Records:

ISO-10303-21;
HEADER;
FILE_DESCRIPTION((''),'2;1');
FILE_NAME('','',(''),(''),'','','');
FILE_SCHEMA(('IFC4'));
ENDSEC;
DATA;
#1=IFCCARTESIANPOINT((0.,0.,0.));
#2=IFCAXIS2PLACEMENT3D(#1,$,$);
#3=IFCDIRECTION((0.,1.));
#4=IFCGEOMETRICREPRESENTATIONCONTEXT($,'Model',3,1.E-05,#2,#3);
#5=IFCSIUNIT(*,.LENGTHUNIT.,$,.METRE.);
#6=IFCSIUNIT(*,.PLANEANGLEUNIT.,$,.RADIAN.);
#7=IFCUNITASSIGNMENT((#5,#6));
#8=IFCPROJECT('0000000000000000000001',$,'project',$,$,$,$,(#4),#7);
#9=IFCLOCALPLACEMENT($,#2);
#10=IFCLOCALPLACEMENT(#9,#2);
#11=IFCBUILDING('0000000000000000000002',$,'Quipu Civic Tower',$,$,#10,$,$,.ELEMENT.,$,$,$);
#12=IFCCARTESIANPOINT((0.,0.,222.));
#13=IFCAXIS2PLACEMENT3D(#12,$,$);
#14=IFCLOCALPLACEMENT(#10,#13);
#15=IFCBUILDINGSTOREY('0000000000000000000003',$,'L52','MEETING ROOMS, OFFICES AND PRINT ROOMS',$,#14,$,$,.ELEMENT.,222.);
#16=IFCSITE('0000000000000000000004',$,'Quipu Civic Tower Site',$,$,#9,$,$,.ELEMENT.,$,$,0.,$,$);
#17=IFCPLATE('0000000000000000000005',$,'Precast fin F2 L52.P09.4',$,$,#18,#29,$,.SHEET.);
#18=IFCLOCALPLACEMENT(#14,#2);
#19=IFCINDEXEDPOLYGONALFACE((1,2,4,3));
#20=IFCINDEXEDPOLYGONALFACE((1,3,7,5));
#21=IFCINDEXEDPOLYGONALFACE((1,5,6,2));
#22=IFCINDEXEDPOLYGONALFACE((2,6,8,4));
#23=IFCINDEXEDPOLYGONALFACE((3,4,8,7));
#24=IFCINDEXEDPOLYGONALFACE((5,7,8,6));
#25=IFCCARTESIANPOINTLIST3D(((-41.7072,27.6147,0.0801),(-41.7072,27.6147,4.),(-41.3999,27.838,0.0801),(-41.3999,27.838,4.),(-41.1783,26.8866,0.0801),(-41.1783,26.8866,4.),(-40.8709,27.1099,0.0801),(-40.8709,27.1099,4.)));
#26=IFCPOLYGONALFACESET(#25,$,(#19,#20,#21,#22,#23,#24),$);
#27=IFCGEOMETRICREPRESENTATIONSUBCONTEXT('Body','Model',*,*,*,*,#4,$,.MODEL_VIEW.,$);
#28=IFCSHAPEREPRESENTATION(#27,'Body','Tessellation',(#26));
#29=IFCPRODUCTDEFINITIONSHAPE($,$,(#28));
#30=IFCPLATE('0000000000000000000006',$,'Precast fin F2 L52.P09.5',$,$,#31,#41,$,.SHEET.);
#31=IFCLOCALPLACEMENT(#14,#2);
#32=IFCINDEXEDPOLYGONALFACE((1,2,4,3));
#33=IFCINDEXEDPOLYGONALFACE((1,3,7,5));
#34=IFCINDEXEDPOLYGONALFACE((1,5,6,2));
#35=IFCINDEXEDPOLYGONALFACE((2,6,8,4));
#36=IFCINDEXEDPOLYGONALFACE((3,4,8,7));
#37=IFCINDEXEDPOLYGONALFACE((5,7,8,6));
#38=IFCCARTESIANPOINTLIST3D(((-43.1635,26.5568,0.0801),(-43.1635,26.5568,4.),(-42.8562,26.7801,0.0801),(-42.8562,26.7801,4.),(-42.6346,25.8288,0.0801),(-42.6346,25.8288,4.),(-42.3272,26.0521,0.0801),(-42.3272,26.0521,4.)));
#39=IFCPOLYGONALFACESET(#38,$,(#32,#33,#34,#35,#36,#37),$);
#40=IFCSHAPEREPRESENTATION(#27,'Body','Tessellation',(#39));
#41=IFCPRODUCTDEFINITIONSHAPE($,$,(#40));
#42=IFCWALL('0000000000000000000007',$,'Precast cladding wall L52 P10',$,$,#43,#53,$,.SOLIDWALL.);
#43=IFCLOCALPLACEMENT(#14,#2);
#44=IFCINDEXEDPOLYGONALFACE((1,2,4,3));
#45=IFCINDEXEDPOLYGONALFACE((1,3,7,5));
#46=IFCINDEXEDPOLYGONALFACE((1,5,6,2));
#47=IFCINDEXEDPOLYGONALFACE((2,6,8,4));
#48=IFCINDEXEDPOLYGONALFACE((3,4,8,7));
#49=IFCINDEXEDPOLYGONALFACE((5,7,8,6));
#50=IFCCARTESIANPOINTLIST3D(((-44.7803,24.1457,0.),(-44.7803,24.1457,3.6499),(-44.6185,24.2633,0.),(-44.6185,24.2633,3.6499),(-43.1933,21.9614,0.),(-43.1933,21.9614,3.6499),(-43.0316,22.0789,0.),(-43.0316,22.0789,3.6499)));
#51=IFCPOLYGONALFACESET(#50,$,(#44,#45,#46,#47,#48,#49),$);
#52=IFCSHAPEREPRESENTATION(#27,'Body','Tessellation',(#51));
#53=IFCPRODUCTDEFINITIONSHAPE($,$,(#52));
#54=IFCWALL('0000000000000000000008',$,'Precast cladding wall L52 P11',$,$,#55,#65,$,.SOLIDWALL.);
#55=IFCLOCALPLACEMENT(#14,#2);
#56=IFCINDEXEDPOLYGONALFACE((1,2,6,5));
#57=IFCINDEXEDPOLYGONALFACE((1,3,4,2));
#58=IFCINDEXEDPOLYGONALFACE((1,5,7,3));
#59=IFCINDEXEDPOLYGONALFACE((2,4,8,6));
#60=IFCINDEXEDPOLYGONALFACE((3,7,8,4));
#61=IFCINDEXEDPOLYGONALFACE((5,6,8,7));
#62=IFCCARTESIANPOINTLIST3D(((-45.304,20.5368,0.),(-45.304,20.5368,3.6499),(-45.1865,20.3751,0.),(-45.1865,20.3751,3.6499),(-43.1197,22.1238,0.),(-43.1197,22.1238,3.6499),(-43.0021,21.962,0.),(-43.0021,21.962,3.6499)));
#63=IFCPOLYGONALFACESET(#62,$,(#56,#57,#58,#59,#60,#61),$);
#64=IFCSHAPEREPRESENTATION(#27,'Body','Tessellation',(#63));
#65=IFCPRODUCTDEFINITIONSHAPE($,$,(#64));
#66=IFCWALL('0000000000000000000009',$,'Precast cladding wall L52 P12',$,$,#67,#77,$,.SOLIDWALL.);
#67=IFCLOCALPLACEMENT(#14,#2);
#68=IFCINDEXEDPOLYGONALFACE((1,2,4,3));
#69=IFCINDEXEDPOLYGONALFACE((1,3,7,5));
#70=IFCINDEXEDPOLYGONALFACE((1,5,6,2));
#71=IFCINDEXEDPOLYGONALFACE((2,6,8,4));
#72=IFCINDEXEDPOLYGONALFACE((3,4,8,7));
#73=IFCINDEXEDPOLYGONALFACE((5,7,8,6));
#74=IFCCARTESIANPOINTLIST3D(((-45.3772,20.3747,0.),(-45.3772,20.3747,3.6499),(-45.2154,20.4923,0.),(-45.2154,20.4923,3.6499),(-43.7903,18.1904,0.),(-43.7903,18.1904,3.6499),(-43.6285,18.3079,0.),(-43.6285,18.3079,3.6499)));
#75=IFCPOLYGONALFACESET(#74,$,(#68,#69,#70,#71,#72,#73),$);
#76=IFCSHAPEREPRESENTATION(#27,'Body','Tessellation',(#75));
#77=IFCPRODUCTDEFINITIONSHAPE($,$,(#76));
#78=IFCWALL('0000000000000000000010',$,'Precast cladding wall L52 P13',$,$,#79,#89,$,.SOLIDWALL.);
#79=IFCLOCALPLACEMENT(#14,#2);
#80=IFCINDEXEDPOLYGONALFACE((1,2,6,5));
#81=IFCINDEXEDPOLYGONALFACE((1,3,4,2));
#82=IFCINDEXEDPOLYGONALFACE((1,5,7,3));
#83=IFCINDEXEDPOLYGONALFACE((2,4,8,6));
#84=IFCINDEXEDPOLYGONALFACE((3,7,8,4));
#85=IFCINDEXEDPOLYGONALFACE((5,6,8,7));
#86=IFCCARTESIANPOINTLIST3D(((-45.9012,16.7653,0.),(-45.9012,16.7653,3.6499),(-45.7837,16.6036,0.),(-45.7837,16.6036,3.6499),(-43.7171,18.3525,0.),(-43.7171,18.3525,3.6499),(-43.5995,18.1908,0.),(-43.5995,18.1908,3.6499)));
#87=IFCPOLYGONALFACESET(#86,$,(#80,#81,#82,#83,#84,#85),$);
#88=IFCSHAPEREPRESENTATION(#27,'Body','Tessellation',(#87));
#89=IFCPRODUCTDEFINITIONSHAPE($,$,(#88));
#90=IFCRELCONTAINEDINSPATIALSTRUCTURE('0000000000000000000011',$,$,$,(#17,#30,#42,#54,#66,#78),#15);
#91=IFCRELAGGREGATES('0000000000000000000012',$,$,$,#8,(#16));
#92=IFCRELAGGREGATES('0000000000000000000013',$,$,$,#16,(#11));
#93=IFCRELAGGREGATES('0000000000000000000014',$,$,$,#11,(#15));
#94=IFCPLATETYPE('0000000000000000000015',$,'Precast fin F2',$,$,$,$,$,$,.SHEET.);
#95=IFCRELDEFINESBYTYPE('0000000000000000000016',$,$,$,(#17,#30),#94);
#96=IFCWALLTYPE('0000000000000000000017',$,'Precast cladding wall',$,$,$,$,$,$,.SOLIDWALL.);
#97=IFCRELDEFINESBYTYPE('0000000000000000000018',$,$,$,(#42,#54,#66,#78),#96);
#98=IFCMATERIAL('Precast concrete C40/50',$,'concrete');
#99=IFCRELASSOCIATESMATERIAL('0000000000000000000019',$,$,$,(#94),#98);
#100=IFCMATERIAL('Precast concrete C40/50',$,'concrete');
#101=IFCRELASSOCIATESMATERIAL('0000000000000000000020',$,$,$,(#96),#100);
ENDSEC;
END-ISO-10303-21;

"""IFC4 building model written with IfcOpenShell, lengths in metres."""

from ifc_helpers import new_model, si_unit, direction, frame, frame_2d, origin, origin_2d, place, context, subcontext, project, spatial, rectangle, extrude, material, type_object, element, save


model = new_model("IFC4")

# Units and contexts
model_context = context("Model", 3, precision=1e-05, world=origin(), true_north=direction((0.0, 1.0)))
body_context = subcontext(model_context, "Body", "Model", "MODEL_VIEW")
ifc_project = project(units=[si_unit("LENGTHUNIT", "METRE"), si_unit("PLANEANGLEUNIT", "RADIAN")], contexts=[model_context])

# Site, building, storey
site_placement = place(None, origin())
site = spatial("IfcSite", under=ifc_project, at=site_placement, Name="Quipu Civic Tower Site", CompositionType="ELEMENT", RefElevation=0.0)
building_placement = place(site_placement, origin())
building = spatial("IfcBuilding", under=site, at=building_placement, Name="Quipu Civic Tower", CompositionType="ELEMENT")
storey_placement = place(building_placement, frame((0.0, 0.0, 222.0)))
storey = spatial("IfcBuildingStorey", under=building, at=storey_placement, Name="L52", Description="MEETING ROOMS, OFFICES AND PRINT ROOMS", CompositionType="ELEMENT", Elevation=222.0)

# Plates
ifc_material_1 = material(Name="Precast concrete C40/50", Category="concrete")
plate_type_1 = type_object("IfcPlateType", Name="Precast fin F2", PredefinedType="SHEET", material=ifc_material_1)
for number, where, z_axis, x_axis, name in (
    (1, (-41.2891, 27.3623, 0.0801), (0.0, 0.0, 1.0), (-0.809017, -0.587785, 0.0), "Precast fin F2 L52.P09.4"),
    (2, (-42.7454, 26.3044, 0.0801), (0.0, 0.0, 1.0), (-0.809017, -0.587785, 0.0), "Precast fin F2 L52.P09.5"),
):
    element("IfcPlate", number, at=place(storey_placement, frame(where, z_axis=z_axis, x_axis=x_axis)), inside=storey, type_object=plate_type_1, Name=name, PredefinedType="SHEET", context=body_context, shape_type="SweptSolid", body=[
        extrude(rectangle(XDim=0.3799, YDim=0.8999, at=origin_2d()), origin(), (0.0, 0.0, 1.0), 3.9199),
    ])

# Walls
ifc_material_2 = material(Name="Precast concrete C40/50", Category="concrete")
wall_type = type_object("IfcWallType", Name="Precast cladding wall", PredefinedType="SOLIDWALL", material=ifc_material_2)
for number, where, z_axis, x_axis, name in (
    (3, (-44.6995, 24.2046, 0.0), (0.0, 0.0, 1.0), (0.587763, -0.809033, 0.0), "Precast cladding wall L52 P10"),
    (4, (-43.0608, 22.043, 0.0), (0.0, 0.0, 1.0), (-0.809033, -0.587763, 0.0), "Precast cladding wall L52 P11"),
    (5, (-45.2964, 20.4336, 0.0), (0.0, 0.0, 1.0), (0.587763, -0.809033, 0.0), "Precast cladding wall L52 P12"),
    (6, (-43.6582, 18.2717, 0.0), (0.0, 0.0, 1.0), (-0.808959, -0.587865, 0.0), "Precast cladding wall L52 P13"),
):
    element("IfcWall", number, at=place(storey_placement, frame(where, z_axis=z_axis, x_axis=x_axis)), inside=storey, type_object=wall_type, Name=name, PredefinedType="SOLIDWALL", context=body_context, shape_type="SweptSolid", body=[
        extrude(rectangle(XDim=2.7, YDim=0.2, at=frame_2d((1.3501, 0.0))), origin(), (0.0, 0.0, 1.0), 3.6499),
    ])

save(model, "model.ifc")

To do: Word for word, restate the lines of the listing above starting at the line with "#69=IFCINDEXEDPOLYGONALFACE((1,3,7,5));" and ending at the line with "#88=IFCSHAPEREPRESENTATION(#27,'Body','Tessellation',(#87));", and nothing outside them.

Solution to this task:
#69=IFCINDEXEDPOLYGONALFACE((1,3,7,5));
#70=IFCINDEXEDPOLYGONALFACE((1,5,6,2));
#71=IFCINDEXEDPOLYGONALFACE((2,6,8,4));
#72=IFCINDEXEDPOLYGONALFACE((3,4,8,7));
#73=IFCINDEXEDPOLYGONALFACE((5,7,8,6));
#74=IFCCARTESIANPOINTLIST3D(((-45.3772,20.3747,0.),(-45.3772,20.3747,3.6499),(-45.2154,20.4923,0.),(-45.2154,20.4923,3.6499),(-43.7903,18.1904,0.),(-43.7903,18.1904,3.6499),(-43.6285,18.3079,0.),(-43.6285,18.3079,3.6499)));
#75=IFCPOLYGONALFACESET(#74,$,(#68,#69,#70,#71,#72,#73),$);
#76=IFCSHAPEREPRESENTATION(#27,'Body','Tessellation',(#75));
#77=IFCPRODUCTDEFINITIONSHAPE($,$,(#76));
#78=IFCWALL('0000000000000000000010',$,'Precast cladding wall L52 P13',$,$,#79,#89,$,.SOLIDWALL.);
#79=IFCLOCALPLACEMENT(#14,#2);
#80=IFCINDEXEDPOLYGONALFACE((1,2,6,5));
#81=IFCINDEXEDPOLYGONALFACE((1,3,4,2));
#82=IFCINDEXEDPOLYGONALFACE((1,5,7,3));
#83=IFCINDEXEDPOLYGONALFACE((2,4,8,6));
#84=IFCINDEXEDPOLYGONALFACE((3,7,8,4));
#85=IFCINDEXEDPOLYGONALFACE((5,6,8,7));
#86=IFCCARTESIANPOINTLIST3D(((-45.9012,16.7653,0.),(-45.9012,16.7653,3.6499),(-45.7837,16.6036,0.),(-45.7837,16.6036,3.6499),(-43.7171,18.3525,0.),(-43.7171,18.3525,3.6499),(-43.5995,18.1908,0.),(-43.5995,18.1908,3.6499)));
#87=IFCPOLYGONALFACESET(#86,$,(#80,#81,#82,#83,#84,#85),$);
#88=IFCSHAPEREPRESENTATION(#27,'Body','Tessellation',(#87));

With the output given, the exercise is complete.